What to produce: After reading the entries below, copy word for word the lines from the first through the line containing "2.9399), z_axis=(-1.0, 0.0, 0.0), x_axis=(0.0, -1.0, 0.0)))", and stop there.

Material supplied:
━━━
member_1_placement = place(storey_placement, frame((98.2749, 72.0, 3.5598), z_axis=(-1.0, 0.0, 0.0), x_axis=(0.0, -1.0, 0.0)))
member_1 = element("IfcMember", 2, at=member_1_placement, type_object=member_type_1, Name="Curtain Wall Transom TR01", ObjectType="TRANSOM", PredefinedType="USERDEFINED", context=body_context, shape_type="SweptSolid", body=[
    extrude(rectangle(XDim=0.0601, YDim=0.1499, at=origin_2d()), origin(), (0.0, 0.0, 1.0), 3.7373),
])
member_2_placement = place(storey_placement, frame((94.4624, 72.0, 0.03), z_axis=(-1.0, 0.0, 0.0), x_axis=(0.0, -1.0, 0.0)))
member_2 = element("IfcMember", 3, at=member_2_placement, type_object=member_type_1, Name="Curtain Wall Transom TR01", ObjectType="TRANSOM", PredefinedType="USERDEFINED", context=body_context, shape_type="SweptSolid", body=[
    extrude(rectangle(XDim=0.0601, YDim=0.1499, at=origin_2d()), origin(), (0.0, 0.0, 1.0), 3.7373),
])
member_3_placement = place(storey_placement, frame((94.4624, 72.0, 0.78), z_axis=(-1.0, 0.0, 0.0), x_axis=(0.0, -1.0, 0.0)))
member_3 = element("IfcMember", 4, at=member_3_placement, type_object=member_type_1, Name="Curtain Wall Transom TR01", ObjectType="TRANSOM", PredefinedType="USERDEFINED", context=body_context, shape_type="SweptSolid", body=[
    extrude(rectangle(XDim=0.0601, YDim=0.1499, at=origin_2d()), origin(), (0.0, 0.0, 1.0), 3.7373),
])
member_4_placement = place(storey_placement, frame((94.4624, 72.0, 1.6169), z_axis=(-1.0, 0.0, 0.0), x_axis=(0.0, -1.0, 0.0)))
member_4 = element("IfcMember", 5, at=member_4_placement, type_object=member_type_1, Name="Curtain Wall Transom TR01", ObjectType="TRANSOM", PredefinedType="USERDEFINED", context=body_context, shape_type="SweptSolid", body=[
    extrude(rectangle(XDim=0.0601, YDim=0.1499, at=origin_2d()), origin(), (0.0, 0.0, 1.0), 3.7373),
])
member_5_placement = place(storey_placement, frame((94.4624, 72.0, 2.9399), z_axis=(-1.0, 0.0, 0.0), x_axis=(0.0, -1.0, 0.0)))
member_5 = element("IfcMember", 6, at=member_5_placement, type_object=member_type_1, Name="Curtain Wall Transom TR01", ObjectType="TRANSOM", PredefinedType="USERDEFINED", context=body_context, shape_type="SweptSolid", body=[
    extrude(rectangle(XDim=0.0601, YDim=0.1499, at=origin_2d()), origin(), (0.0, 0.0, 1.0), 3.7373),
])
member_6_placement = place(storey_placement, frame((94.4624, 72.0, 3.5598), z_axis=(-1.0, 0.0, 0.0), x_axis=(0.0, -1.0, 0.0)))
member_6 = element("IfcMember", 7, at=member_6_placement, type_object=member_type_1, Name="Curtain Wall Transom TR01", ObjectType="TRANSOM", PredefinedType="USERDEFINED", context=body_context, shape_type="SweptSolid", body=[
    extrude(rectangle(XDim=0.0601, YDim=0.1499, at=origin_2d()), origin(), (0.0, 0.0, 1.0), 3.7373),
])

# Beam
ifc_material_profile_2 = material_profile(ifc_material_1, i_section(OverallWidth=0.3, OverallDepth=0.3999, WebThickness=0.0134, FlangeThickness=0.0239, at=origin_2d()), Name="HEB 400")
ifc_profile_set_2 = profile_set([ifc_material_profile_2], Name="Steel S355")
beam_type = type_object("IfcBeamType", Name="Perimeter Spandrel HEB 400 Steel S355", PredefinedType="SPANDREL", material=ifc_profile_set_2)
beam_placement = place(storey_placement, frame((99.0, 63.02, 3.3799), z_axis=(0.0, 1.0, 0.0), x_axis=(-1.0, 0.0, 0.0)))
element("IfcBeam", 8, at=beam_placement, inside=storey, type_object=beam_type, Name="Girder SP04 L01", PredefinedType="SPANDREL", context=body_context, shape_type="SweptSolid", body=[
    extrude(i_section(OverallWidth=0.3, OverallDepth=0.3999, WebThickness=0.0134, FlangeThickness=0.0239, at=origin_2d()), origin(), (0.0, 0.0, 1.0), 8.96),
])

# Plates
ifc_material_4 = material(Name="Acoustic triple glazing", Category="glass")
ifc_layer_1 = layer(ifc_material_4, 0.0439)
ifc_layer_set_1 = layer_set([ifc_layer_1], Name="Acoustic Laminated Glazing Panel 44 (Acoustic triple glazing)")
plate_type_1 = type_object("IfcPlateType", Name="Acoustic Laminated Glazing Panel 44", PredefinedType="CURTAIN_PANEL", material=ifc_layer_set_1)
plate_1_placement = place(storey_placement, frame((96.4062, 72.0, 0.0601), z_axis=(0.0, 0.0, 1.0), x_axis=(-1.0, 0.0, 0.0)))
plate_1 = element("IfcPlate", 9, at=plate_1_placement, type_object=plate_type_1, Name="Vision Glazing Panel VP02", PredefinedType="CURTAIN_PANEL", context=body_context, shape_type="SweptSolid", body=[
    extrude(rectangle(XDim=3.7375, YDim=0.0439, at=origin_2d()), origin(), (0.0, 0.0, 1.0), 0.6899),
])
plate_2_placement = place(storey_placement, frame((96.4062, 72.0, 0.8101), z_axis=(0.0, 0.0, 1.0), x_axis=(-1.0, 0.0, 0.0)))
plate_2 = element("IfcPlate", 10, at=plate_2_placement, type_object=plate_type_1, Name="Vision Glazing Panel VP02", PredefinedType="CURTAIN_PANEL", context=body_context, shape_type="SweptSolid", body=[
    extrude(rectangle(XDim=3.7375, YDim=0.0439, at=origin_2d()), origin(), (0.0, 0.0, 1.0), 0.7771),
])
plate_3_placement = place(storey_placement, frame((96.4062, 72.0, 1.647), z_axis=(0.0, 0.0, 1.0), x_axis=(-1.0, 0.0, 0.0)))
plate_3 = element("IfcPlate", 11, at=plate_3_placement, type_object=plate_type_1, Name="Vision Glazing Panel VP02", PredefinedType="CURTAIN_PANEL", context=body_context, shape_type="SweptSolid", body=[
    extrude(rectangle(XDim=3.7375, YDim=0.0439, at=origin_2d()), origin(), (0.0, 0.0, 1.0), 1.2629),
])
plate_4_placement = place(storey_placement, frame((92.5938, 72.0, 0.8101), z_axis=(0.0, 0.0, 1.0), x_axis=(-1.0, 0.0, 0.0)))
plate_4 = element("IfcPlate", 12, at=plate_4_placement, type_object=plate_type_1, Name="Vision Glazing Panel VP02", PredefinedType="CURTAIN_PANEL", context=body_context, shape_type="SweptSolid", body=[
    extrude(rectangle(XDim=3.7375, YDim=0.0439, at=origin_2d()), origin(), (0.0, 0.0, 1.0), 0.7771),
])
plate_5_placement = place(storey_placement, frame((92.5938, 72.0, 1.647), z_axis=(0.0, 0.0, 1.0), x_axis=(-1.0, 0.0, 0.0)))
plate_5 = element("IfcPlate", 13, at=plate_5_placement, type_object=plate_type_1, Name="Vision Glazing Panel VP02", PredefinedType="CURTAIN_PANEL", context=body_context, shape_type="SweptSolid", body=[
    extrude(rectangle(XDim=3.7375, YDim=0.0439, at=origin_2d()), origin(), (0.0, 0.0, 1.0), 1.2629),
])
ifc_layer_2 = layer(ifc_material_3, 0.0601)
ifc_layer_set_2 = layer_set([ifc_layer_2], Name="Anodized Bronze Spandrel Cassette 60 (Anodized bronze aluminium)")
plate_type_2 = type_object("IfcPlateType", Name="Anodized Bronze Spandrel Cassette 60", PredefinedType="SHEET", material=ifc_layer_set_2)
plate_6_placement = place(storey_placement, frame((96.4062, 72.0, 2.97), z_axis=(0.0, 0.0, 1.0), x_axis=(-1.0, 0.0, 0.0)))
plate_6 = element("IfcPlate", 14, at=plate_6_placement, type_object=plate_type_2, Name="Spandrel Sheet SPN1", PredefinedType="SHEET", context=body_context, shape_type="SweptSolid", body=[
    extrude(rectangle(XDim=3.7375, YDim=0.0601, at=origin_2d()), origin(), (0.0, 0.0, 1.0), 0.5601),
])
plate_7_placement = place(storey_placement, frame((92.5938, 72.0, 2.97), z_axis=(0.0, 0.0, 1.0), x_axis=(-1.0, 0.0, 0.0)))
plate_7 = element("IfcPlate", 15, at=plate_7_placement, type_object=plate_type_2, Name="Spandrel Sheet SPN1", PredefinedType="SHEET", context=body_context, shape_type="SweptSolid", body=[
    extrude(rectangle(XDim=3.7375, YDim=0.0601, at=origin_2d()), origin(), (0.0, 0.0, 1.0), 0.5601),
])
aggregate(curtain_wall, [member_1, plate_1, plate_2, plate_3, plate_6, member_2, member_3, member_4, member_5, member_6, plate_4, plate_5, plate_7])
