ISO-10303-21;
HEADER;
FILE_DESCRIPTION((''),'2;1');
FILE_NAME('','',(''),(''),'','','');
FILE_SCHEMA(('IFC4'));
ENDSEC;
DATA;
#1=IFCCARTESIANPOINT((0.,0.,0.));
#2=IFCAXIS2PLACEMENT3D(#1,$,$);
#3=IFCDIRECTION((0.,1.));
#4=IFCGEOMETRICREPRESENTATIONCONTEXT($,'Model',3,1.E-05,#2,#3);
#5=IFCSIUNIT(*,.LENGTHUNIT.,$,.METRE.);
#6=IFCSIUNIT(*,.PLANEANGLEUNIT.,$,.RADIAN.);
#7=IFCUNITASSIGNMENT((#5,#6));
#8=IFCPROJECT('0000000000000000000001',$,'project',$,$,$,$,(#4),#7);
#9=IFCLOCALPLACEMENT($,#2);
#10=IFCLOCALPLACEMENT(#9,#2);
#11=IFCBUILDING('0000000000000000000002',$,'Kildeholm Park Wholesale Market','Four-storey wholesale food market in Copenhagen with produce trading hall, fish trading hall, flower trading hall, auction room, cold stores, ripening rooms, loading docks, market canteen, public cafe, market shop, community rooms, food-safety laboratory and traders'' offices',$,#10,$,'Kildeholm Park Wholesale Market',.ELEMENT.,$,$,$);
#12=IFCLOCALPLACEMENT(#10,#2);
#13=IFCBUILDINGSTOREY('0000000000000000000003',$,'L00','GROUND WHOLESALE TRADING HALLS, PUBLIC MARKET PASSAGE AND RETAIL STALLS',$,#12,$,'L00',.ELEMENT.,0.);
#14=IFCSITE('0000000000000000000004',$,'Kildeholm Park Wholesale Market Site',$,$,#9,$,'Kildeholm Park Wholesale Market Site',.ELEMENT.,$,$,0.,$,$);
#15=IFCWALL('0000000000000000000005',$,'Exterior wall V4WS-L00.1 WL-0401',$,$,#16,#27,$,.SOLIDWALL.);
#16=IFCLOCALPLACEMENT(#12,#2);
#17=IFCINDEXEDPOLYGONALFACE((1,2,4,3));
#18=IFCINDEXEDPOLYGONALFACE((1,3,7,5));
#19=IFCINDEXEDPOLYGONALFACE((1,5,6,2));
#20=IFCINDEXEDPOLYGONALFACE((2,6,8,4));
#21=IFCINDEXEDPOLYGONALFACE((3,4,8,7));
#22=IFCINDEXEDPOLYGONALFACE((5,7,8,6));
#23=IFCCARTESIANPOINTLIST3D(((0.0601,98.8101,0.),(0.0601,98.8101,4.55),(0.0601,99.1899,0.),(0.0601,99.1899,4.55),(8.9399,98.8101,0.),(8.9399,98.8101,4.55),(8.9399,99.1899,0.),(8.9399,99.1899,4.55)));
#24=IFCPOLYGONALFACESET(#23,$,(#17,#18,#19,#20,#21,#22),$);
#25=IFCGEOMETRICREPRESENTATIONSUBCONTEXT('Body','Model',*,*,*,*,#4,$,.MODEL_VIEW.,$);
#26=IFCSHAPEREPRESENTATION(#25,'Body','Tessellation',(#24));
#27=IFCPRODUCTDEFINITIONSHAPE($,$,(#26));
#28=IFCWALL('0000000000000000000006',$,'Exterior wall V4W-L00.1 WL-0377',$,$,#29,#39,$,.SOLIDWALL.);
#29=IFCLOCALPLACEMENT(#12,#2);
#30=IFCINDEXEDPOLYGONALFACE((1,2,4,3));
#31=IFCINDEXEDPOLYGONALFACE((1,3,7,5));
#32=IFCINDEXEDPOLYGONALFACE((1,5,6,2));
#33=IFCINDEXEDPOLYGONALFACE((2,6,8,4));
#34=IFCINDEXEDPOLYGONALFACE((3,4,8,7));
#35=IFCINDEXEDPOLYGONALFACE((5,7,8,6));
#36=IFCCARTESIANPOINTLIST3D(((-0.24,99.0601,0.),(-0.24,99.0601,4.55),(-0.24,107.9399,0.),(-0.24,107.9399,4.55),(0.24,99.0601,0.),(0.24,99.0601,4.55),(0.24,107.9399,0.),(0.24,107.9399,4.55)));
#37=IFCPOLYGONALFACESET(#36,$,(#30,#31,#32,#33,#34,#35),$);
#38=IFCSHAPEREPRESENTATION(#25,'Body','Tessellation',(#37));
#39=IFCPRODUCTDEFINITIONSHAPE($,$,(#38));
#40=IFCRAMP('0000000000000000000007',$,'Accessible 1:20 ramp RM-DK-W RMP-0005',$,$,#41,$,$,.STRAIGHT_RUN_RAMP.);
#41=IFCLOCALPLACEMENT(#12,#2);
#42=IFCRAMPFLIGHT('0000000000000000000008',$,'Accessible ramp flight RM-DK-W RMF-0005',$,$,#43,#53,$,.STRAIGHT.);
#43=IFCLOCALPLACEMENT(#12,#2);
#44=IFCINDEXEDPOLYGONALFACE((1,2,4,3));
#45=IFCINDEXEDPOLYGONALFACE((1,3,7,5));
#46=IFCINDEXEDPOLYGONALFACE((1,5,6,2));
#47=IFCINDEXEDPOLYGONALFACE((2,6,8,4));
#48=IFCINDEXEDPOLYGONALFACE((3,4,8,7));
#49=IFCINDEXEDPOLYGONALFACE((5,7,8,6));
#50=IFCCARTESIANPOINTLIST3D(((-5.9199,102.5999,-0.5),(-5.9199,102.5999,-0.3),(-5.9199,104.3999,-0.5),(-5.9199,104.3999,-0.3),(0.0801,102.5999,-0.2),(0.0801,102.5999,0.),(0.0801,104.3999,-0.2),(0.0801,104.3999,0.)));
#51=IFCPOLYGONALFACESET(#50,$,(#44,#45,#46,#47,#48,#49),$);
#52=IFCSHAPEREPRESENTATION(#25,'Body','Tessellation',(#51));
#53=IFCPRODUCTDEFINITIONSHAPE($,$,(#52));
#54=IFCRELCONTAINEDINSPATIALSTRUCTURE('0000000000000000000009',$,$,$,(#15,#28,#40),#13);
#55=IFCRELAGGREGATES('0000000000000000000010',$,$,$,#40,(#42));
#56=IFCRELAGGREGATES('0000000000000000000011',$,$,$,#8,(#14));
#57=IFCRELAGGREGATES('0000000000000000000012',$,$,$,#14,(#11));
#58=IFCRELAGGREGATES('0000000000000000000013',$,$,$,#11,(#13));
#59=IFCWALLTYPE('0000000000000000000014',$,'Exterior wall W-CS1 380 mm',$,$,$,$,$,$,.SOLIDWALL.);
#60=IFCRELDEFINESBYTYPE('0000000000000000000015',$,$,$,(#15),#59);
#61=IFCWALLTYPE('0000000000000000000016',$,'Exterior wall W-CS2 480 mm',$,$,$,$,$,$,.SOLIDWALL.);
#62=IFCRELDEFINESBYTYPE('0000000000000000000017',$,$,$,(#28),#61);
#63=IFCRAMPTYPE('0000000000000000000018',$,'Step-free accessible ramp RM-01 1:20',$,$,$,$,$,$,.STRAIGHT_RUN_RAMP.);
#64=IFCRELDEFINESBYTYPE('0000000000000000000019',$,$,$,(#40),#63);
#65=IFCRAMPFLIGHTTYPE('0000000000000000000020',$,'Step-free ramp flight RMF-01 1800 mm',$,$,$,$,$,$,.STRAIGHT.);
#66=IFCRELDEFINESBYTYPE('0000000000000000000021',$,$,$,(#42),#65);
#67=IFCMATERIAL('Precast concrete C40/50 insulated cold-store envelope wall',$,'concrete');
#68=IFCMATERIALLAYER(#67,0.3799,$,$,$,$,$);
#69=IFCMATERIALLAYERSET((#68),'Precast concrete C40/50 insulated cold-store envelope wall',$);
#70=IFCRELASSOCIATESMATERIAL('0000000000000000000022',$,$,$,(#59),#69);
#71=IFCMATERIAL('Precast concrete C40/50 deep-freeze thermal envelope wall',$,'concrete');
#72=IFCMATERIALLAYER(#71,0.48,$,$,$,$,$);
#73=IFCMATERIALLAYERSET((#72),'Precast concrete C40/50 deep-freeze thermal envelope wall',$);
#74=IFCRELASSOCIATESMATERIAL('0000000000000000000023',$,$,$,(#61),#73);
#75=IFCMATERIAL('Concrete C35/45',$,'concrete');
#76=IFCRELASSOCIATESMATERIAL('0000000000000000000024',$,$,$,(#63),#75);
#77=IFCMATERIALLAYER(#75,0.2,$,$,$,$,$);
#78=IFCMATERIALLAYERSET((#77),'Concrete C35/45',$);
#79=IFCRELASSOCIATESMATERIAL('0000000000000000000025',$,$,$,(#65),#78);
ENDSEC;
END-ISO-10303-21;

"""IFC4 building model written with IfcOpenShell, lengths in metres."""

from ifc_helpers import new_model, si_unit, direction, frame, frame_2d, origin, place, context, subcontext, project, spatial, polyline, rectangle, outline, extrude, material, layer, layer_set, type_object, element, aggregate, save


model = new_model("IFC4")

# Units and contexts
model_context = context("Model", 3, precision=1e-05, world=origin(), true_north=direction((0.0, 1.0)))
body_context = subcontext(model_context, "Body", "Model", "MODEL_VIEW")
ifc_project = project(units=[si_unit("LENGTHUNIT", "METRE"), si_unit("PLANEANGLEUNIT", "RADIAN")], contexts=[model_context])

# Site, building, storey
site_placement = place(None, origin())
site = spatial("IfcSite", under=ifc_project, at=site_placement, Name="Kildeholm Park Wholesale Market Site", LongName="Kildeholm Park Wholesale Market Site", CompositionType="ELEMENT", RefElevation=0.0)
building_placement = place(site_placement, origin())
building = spatial("IfcBuilding", under=site, at=building_placement, Name="Kildeholm Park Wholesale Market", Description="Four-storey wholesale food market in Copenhagen with produce trading hall, fish trading hall, flower trading hall, auction room, cold stores, ripening rooms, loading docks, market canteen, public cafe, market shop, community rooms, food-safety laboratory and traders' offices", LongName="Kildeholm Park Wholesale Market", CompositionType="ELEMENT")
storey_placement = place(building_placement, origin())
storey = spatial("IfcBuildingStorey", under=building, at=storey_placement, Name="L00", Description="GROUND WHOLESALE TRADING HALLS, PUBLIC MARKET PASSAGE AND RETAIL STALLS", LongName="L00", CompositionType="ELEMENT", Elevation=0.0)

# Shared definitions
ifc_material_1 = material(Name="Concrete C35/45", Category="concrete")

# Walls
ifc_material_2 = material(Name="Precast concrete C40/50 insulated cold-store envelope wall", Category="concrete")
ifc_layer_1 = layer(ifc_material_2, 0.3799)
ifc_layer_set_1 = layer_set([ifc_layer_1], Name="Precast concrete C40/50 insulated cold-store envelope wall")
wall_type_1 = type_object("IfcWallType", Name="Exterior wall W-CS1 380 mm", PredefinedType="SOLIDWALL", material=ifc_layer_set_1)
wall_1_placement = place(storey_placement, frame((0.0601, 99.0, 0.0), z_axis=(0.0, 0.0, 1.0), x_axis=(1.0, 0.0, 0.0)))
element("IfcWall", 1, at=wall_1_placement, inside=storey, type_object=wall_type_1, Name="Exterior wall V4WS-L00.1 WL-0401", PredefinedType="SOLIDWALL", context=body_context, shape_type="SweptSolid", body=[
    extrude(rectangle(XDim=8.8799, YDim=0.3799, at=frame_2d((4.4399, 0.0))), origin(), (0.0, 0.0, 1.0), 4.55),
])
ifc_material_3 = material(Name="Precast concrete C40/50 deep-freeze thermal envelope wall", Category="concrete")
ifc_layer_2 = layer(ifc_material_3, 0.48)
ifc_layer_set_2 = layer_set([ifc_layer_2], Name="Precast concrete C40/50 deep-freeze thermal envelope wall")
wall_type_2 = type_object("IfcWallType", Name="Exterior wall W-CS2 480 mm", PredefinedType="SOLIDWALL", material=ifc_layer_set_2)
wall_2_placement = place(storey_placement, frame((0.0, 99.0601, 0.0), z_axis=(0.0, 0.0, 1.0), x_axis=(0.0, 1.0, 0.0)))
element("IfcWall", 2, at=wall_2_placement, inside=storey, type_object=wall_type_2, Name="Exterior wall V4W-L00.1 WL-0377", PredefinedType="SOLIDWALL", context=body_context, shape_type="SweptSolid", body=[
    extrude(rectangle(XDim=8.8799, YDim=0.48, at=frame_2d((4.4399, 0.0))), origin(), (0.0, 0.0, 1.0), 4.55),
])

# Ramp, ramp flight
ramp_type = type_object("IfcRampType", Name="Step-free accessible ramp RM-01 1:20", PredefinedType="STRAIGHT_RUN_RAMP", material=ifc_material_1)
ramp_placement = place(storey_placement, origin())
ramp = element("IfcRamp", 3, at=ramp_placement, inside=storey, type_object=ramp_type, Name="Accessible 1:20 ramp RM-DK-W RMP-0005", PredefinedType="STRAIGHT_RUN_RAMP")
ifc_layer_3 = layer(ifc_material_1, 0.2)
ifc_layer_set_3 = layer_set([ifc_layer_3], Name="Concrete C35/45")
ramp_flight_type = type_object("IfcRampFlightType", Name="Step-free ramp flight RMF-01 1800 mm", PredefinedType="STRAIGHT", material=ifc_layer_set_3)
ramp_flight_placement = place(storey_placement, frame((-5.9199, 103.5, -0.3), z_axis=(0.0, 0.0, 1.0), x_axis=(1.0, 0.0, 0.0)))
ramp_flight = element("IfcRampFlight", 4, at=ramp_flight_placement, type_object=ramp_flight_type, Name="Accessible ramp flight RM-DK-W RMF-0005", PredefinedType="STRAIGHT", context=body_context, shape_type="SweptSolid", body=[
    extrude(outline(polyline([(0.0, 0.0), (0.0, -0.2), (6.0, 0.1001), (6.0, 0.3), (0.0, 0.0)])), frame((0.0, 0.8999, 0.0), z_axis=(0.0, -1.0, 0.0), x_axis=(1.0, 0.0, 0.0)), (0.0, 0.0, 1.0), 1.8),
])
aggregate(ramp, [ramp_flight])

save(model, "model.ifc")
━━━
Written reply:
member_1_placement = place(storey_placement, frame((98.2749, 72.0, 3.5598), z_axis=(-1.0, 0.0, 0.0), x_axis=(0.0, -1.0, 0.0)))
member_1 = element("IfcMember", 2, at=member_1_placement, type_object=member_type_1, Name="Curtain Wall Transom TR01", ObjectType="TRANSOM", PredefinedType="USERDEFINED", context=body_context, shape_type="SweptSolid", body=[
    extrude(rectangle(XDim=0.0601, YDim=0.1499, at=origin_2d()), origin(), (0.0, 0.0, 1.0), 3.7373),
])
member_2_placement = place(storey_placement, frame((94.4624, 72.0, 0.03), z_axis=(-1.0, 0.0, 0.0), x_axis=(0.0, -1.0, 0.0)))
member_2 = element("IfcMember", 3, at=member_2_placement, type_object=member_type_1, Name="Curtain Wall Transom TR01", ObjectType="TRANSOM", PredefinedType="USERDEFINED", context=body_context, shape_type="SweptSolid", body=[
    extrude(rectangle(XDim=0.0601, YDim=0.1499, at=origin_2d()), origin(), (0.0, 0.0, 1.0), 3.7373),
])
member_3_placement = place(storey_placement, frame((94.4624, 72.0, 0.78), z_axis=(-1.0, 0.0, 0.0), x_axis=(0.0, -1.0, 0.0)))
member_3 = element("IfcMember", 4, at=member_3_placement, type_object=member_type_1, Name="Curtain Wall Transom TR01", ObjectType="TRANSOM", PredefinedType="USERDEFINED", context=body_context, shape_type="SweptSolid", body=[
    extrude(rectangle(XDim=0.0601, YDim=0.1499, at=origin_2d()), origin(), (0.0, 0.0, 1.0), 3.7373),
])
member_4_placement = place(storey_placement, frame((94.4624, 72.0, 1.6169), z_axis=(-1.0, 0.0, 0.0), x_axis=(0.0, -1.0, 0.0)))
member_4 = element("IfcMember", 5, at=member_4_placement, type_object=member_type_1, Name="Curtain Wall Transom TR01", ObjectType="TRANSOM", PredefinedType="USERDEFINED", context=body_context, shape_type="SweptSolid", body=[
    extrude(rectangle(XDim=0.0601, YDim=0.1499, at=origin_2d()), origin(), (0.0, 0.0, 1.0), 3.7373),
])
member_5_placement = place(storey_placement, frame((94.4624, 72.0, 2.9399), z_axis=(-1.0, 0.0, 0.0), x_axis=(0.0, -1.0, 0.0)))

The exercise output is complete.